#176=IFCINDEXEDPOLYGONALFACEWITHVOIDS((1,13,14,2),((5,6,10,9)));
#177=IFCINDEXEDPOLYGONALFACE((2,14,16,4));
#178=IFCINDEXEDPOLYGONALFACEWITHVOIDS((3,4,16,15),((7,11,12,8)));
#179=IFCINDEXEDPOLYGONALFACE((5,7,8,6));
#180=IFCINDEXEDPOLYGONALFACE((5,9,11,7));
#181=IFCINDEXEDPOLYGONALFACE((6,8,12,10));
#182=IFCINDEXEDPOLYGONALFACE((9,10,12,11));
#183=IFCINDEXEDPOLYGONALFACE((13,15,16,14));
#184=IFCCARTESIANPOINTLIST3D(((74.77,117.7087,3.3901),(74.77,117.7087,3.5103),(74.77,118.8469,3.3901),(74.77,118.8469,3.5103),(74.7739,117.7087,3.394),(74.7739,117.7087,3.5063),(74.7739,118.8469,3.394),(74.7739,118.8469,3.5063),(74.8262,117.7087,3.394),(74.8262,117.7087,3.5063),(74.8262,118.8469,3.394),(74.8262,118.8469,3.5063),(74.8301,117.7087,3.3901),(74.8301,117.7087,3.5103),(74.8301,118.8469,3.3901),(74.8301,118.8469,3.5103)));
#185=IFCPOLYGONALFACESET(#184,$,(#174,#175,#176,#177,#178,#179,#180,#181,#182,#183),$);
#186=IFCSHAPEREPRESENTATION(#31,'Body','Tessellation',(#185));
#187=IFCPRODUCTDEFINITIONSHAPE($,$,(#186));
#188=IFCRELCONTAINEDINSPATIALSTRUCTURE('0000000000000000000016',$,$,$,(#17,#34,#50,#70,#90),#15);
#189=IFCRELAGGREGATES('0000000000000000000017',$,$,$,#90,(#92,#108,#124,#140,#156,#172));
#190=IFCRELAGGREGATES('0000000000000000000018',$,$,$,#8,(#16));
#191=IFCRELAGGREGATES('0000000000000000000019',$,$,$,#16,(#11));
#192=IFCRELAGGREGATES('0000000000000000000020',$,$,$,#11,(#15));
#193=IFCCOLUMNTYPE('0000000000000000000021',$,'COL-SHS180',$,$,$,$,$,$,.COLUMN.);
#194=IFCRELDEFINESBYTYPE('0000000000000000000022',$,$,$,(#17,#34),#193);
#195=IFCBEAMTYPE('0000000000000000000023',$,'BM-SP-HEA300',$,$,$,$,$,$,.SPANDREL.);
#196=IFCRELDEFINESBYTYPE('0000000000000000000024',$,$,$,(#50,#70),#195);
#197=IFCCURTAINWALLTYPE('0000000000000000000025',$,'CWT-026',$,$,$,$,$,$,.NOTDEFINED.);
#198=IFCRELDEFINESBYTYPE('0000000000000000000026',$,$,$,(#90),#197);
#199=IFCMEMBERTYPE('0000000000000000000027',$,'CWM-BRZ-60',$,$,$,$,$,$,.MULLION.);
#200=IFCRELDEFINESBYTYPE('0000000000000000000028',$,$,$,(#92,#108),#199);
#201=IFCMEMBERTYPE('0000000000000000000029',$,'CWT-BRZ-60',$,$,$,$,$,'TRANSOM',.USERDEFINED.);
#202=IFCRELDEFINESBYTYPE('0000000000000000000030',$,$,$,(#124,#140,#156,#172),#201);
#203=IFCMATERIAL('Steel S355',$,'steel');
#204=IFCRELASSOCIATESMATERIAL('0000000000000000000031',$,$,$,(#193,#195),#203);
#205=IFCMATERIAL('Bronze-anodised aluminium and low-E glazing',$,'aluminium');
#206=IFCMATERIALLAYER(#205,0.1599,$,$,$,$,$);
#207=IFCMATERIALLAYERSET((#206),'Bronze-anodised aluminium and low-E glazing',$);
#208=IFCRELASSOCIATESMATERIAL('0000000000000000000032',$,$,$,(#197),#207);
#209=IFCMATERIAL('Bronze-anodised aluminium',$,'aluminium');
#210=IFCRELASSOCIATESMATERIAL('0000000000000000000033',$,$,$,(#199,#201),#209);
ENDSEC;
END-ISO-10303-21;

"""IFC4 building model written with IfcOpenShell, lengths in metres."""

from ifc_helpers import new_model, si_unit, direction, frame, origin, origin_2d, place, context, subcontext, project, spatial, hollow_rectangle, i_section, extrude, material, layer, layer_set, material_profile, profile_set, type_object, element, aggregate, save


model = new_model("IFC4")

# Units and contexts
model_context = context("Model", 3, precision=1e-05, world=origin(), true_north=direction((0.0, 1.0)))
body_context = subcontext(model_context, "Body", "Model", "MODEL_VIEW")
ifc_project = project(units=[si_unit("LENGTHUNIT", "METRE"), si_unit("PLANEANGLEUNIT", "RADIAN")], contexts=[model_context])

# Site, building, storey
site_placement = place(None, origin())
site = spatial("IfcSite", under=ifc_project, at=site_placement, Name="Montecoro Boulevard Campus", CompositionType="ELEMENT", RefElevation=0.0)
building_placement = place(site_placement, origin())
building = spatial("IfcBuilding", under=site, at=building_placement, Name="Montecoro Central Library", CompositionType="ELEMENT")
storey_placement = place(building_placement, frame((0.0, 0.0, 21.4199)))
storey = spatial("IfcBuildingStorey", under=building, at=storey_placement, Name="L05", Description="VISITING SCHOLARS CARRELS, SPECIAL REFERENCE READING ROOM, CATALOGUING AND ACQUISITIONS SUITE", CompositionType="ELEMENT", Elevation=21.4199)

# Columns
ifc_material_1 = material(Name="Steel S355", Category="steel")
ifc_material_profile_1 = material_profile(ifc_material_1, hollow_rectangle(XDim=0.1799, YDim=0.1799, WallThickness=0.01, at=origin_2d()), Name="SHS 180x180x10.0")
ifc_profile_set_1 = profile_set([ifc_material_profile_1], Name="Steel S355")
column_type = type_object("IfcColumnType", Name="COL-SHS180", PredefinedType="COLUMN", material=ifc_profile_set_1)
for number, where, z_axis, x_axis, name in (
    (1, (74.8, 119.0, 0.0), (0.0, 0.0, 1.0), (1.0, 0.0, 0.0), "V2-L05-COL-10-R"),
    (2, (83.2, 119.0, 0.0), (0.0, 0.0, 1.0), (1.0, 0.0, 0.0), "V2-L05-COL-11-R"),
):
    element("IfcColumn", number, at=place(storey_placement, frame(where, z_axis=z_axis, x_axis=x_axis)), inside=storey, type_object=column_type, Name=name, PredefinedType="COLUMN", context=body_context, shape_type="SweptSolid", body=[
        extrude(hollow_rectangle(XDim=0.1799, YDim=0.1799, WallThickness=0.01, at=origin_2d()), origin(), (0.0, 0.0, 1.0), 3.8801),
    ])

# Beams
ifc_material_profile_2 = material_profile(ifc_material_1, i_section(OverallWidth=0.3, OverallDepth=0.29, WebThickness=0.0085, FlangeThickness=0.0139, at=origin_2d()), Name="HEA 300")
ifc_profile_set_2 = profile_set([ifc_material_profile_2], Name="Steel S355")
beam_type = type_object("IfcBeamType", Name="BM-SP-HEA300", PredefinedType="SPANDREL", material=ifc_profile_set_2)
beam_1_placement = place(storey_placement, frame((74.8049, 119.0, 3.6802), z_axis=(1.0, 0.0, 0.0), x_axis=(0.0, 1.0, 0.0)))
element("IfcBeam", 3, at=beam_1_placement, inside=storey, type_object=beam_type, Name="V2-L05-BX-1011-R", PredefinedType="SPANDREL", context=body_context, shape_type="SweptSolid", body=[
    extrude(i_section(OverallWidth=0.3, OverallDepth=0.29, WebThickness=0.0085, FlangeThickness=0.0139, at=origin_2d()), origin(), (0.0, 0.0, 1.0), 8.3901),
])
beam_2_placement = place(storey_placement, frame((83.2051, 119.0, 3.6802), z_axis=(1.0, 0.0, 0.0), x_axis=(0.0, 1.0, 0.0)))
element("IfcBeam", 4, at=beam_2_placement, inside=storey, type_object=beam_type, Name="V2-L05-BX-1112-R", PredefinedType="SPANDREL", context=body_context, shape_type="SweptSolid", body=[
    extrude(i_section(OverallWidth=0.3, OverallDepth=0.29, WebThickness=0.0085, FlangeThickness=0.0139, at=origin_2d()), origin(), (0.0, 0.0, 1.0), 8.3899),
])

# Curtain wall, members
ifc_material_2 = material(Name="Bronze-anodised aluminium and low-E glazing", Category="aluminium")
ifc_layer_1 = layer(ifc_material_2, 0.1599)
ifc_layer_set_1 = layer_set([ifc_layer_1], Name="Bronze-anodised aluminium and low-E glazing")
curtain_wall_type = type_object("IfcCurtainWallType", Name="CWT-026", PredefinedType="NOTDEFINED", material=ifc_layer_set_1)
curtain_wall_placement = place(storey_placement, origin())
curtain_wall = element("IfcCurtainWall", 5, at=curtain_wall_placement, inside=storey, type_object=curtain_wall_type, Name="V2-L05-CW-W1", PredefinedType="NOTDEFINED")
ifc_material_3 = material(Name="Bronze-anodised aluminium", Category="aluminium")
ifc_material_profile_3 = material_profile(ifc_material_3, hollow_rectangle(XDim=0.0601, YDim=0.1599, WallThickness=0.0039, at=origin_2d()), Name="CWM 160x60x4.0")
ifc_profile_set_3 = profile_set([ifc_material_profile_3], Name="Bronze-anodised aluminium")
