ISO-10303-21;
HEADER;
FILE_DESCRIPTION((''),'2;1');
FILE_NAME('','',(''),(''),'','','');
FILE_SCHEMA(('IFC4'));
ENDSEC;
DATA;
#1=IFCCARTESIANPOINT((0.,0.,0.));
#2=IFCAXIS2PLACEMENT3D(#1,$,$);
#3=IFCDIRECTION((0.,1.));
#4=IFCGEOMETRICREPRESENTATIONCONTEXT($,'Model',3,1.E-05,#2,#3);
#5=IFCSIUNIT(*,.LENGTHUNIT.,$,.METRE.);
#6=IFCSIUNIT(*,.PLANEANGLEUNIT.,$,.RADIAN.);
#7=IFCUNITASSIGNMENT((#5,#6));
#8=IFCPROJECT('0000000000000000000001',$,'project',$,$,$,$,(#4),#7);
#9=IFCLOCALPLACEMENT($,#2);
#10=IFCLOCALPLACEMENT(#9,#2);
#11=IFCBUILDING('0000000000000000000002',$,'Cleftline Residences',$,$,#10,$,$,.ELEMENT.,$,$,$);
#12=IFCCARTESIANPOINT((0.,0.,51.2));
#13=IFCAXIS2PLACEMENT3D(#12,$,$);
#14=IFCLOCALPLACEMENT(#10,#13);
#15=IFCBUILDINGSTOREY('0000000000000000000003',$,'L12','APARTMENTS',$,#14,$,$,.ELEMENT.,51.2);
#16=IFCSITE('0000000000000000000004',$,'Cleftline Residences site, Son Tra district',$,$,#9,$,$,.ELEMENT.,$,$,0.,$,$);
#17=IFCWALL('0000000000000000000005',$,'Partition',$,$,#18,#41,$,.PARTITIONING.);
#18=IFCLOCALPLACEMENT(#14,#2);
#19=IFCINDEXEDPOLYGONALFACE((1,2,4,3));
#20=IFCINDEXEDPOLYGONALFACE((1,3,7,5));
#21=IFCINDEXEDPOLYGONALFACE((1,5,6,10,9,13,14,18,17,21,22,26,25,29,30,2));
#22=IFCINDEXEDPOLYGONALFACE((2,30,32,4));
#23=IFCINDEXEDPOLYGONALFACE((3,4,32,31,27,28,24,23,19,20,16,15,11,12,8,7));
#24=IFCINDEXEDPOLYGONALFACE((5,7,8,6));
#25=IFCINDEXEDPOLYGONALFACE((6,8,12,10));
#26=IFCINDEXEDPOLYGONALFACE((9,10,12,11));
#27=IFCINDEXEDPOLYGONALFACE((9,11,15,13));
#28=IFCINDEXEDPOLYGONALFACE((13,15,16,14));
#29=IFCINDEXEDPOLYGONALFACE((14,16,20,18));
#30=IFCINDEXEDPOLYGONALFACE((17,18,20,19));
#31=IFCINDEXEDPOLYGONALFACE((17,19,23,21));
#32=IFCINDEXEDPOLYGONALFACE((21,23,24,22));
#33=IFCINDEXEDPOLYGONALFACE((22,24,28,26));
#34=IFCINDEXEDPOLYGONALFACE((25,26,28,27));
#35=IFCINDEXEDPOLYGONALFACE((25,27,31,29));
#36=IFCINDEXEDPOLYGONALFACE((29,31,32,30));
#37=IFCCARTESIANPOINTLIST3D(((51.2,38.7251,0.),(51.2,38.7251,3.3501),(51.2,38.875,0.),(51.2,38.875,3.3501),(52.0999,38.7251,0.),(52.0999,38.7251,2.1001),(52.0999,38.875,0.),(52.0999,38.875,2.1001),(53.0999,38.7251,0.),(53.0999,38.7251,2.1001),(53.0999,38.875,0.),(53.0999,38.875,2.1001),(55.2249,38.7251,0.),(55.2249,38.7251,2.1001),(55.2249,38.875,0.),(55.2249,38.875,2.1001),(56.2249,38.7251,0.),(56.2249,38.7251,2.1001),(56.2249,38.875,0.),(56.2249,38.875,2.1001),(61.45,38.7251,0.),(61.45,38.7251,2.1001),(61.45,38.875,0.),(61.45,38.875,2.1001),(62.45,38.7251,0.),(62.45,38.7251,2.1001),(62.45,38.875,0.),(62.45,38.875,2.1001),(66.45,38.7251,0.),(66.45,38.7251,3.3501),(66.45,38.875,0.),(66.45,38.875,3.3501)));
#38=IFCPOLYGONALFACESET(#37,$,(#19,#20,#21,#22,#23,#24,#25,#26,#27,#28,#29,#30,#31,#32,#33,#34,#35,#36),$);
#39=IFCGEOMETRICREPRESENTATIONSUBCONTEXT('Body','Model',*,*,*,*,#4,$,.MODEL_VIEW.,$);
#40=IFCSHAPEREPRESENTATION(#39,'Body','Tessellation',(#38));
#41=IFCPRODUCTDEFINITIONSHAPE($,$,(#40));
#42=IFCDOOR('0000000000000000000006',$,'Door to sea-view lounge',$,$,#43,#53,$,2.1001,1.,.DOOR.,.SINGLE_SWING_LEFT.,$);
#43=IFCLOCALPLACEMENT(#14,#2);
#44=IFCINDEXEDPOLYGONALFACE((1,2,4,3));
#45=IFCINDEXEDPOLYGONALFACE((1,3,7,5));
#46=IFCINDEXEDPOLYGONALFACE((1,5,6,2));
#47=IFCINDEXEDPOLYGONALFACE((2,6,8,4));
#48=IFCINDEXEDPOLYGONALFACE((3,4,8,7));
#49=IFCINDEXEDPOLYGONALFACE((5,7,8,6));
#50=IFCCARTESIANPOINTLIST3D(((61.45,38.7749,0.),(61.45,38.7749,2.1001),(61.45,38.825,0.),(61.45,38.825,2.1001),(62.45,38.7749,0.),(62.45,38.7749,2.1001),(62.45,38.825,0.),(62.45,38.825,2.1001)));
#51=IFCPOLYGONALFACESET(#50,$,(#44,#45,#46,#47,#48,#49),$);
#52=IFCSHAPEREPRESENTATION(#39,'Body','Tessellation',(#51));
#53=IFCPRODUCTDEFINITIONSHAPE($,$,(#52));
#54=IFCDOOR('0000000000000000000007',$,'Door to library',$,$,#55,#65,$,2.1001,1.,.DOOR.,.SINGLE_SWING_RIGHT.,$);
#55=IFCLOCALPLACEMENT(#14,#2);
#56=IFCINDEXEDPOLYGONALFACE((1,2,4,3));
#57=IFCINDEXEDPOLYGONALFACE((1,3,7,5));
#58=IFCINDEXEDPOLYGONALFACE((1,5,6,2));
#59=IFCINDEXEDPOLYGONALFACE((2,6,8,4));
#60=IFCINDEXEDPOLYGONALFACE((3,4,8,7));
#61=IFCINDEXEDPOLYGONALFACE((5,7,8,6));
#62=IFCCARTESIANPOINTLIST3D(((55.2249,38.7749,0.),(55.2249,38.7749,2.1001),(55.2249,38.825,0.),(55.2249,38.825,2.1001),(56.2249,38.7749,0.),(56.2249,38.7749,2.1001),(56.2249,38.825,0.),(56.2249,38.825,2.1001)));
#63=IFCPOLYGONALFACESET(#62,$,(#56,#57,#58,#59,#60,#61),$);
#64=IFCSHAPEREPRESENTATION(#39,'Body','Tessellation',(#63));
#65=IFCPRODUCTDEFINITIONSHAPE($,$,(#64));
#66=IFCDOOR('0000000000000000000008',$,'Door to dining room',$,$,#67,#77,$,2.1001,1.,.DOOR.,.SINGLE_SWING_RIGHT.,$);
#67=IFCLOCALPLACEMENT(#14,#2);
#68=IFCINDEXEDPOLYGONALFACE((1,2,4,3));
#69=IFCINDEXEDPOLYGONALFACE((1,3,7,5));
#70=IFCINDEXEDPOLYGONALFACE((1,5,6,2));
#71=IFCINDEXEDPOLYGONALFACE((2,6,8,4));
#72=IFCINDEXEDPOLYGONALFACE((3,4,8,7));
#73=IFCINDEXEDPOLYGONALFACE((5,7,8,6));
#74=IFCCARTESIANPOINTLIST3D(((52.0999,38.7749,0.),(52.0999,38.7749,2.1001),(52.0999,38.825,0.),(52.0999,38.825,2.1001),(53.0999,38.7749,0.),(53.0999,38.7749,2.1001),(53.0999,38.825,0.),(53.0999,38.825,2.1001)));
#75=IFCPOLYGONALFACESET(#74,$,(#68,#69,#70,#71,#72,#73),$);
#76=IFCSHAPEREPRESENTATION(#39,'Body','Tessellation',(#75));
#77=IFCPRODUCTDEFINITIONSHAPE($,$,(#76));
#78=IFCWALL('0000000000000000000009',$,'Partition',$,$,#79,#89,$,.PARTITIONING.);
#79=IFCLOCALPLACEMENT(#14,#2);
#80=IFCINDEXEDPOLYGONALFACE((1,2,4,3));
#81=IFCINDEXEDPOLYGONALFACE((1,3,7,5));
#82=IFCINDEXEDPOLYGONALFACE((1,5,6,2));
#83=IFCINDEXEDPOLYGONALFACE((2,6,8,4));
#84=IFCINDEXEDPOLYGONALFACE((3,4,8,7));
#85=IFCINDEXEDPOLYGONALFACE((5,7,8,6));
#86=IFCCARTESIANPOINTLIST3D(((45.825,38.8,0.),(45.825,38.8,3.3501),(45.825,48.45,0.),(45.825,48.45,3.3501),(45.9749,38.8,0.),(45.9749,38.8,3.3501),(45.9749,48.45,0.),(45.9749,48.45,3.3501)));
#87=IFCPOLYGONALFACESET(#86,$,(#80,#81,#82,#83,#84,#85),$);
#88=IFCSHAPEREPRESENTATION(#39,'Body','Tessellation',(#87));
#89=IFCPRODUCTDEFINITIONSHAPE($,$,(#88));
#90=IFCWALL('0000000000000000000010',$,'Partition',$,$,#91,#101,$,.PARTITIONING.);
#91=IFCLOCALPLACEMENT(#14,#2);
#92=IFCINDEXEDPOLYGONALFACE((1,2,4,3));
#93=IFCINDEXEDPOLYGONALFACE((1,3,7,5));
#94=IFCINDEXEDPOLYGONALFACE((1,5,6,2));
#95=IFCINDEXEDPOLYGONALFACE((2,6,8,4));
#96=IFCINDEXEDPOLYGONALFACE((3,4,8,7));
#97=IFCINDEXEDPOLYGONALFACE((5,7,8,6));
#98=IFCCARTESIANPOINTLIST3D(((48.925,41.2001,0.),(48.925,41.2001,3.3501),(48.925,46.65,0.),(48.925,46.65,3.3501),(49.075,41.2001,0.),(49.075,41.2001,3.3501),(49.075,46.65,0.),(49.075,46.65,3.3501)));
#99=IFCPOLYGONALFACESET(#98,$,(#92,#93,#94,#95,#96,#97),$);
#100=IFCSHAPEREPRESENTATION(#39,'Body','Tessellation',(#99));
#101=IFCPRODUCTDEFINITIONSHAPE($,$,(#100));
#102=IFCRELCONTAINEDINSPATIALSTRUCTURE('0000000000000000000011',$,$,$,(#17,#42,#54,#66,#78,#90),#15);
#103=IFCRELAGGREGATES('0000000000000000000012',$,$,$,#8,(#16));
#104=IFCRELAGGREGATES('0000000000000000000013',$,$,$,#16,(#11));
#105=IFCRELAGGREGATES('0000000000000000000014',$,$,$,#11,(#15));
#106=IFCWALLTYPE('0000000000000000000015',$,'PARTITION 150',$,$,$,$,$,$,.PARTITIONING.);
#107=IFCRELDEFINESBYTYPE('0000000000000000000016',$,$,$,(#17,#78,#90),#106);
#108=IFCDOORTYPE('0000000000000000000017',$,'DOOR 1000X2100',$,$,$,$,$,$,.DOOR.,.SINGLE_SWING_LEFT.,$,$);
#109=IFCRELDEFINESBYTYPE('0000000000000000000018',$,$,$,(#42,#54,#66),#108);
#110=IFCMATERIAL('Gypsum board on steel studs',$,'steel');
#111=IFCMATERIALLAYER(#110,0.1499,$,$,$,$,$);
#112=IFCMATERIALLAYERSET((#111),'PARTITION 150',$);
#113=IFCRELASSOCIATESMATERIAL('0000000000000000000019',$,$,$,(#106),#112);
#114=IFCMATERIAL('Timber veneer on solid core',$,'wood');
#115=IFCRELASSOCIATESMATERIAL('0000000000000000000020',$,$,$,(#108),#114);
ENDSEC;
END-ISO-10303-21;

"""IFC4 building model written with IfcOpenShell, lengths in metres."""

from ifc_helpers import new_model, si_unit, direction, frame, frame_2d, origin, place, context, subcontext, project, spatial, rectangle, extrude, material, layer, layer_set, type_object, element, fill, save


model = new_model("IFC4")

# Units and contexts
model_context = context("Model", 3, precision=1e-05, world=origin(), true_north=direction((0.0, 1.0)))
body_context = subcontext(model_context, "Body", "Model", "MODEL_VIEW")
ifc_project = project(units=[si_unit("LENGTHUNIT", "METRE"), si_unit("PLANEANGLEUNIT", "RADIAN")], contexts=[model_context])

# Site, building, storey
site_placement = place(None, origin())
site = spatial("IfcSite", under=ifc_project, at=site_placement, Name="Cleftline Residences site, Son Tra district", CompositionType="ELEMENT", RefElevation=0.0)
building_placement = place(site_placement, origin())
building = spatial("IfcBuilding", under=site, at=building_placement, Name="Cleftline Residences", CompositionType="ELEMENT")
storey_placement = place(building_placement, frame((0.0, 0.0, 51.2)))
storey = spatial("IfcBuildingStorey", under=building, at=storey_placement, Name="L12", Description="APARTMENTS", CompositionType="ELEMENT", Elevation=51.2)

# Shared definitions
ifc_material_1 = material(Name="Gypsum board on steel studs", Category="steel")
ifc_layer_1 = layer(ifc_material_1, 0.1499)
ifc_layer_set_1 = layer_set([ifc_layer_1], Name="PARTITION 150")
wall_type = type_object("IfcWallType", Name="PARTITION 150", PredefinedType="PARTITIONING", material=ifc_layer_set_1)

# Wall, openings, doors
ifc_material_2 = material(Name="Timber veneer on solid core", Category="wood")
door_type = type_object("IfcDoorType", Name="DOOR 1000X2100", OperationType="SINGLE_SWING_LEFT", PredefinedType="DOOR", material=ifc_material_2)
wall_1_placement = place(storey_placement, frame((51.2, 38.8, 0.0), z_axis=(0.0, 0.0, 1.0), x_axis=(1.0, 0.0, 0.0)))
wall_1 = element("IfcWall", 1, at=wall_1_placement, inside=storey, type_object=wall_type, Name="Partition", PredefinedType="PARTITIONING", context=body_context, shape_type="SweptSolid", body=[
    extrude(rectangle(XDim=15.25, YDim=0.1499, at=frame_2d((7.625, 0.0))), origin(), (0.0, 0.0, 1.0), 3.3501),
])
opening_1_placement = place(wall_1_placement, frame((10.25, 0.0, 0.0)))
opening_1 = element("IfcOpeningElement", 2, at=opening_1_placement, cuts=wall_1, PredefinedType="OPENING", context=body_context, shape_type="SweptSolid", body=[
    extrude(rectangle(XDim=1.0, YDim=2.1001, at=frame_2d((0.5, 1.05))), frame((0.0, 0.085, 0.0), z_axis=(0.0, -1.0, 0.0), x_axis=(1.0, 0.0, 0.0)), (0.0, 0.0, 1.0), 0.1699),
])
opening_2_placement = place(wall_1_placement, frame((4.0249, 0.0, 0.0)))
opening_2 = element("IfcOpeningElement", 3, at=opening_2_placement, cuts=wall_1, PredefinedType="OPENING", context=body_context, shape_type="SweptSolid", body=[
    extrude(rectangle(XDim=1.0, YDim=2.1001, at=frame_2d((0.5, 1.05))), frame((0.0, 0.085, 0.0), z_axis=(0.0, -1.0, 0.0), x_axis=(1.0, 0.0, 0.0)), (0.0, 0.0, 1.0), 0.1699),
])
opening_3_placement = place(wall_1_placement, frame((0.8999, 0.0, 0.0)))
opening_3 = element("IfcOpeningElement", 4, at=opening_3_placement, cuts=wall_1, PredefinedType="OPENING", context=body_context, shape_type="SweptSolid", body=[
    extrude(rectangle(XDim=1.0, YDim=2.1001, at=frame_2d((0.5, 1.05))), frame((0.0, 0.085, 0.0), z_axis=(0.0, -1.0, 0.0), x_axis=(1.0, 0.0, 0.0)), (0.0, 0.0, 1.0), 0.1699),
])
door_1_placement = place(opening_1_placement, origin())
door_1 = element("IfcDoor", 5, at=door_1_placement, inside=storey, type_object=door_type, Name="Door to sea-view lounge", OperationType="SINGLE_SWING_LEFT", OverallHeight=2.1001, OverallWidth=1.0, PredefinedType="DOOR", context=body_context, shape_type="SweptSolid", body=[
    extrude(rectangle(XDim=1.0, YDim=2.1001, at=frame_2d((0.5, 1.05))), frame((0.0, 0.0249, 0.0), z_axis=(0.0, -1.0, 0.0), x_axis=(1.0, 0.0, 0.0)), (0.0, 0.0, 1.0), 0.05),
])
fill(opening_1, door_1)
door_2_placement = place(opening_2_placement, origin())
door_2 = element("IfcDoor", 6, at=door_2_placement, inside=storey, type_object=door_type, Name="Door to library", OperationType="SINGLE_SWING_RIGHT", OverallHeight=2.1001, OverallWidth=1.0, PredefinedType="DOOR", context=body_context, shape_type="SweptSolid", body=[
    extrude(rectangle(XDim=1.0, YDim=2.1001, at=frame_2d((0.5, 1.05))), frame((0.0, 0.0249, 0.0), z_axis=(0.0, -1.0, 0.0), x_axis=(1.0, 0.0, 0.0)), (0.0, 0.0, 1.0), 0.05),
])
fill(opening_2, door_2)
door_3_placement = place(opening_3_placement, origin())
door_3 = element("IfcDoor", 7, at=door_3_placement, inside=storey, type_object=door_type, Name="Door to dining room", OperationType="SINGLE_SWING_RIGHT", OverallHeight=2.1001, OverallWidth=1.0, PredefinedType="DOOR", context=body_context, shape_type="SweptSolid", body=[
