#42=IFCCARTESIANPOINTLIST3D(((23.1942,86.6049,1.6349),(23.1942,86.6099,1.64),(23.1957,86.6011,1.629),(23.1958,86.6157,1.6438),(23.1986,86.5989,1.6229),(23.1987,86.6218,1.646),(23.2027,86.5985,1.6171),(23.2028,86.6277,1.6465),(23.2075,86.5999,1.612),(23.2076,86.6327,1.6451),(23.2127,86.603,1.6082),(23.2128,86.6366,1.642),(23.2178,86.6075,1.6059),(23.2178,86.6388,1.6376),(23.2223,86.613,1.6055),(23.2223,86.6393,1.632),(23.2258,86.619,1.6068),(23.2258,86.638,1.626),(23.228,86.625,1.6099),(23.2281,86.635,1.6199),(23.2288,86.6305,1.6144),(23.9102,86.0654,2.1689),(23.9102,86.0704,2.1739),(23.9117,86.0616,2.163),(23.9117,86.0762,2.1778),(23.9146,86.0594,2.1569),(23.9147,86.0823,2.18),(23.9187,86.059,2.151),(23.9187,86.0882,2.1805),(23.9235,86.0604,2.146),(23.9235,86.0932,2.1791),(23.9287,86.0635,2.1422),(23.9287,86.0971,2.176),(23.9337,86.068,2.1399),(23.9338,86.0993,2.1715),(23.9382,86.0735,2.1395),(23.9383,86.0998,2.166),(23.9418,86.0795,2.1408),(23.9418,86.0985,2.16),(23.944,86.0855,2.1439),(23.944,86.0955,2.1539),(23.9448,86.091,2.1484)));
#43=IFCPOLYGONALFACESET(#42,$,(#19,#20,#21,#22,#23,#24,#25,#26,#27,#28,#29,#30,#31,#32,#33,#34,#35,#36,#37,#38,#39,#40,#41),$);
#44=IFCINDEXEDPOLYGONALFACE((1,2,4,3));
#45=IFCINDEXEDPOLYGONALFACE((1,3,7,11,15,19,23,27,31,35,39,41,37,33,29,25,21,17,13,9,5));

══════

▶ Problem to work on: Take every line of the material that contains the word "IFCPRODUCTDEFINITIONSHAPE", and copy it.

▶ Finished exercise:
#187=IFCPRODUCTDEFINITIONSHAPE($,$,(#186));
#41=IFCPRODUCTDEFINITIONSHAPE($,$,(#40));
#53=IFCPRODUCTDEFINITIONSHAPE($,$,(#52));
#65=IFCPRODUCTDEFINITIONSHAPE($,$,(#64));
#77=IFCPRODUCTDEFINITIONSHAPE($,$,(#76));
#89=IFCPRODUCTDEFINITIONSHAPE($,$,(#88));
#101=IFCPRODUCTDEFINITIONSHAPE($,$,(#100));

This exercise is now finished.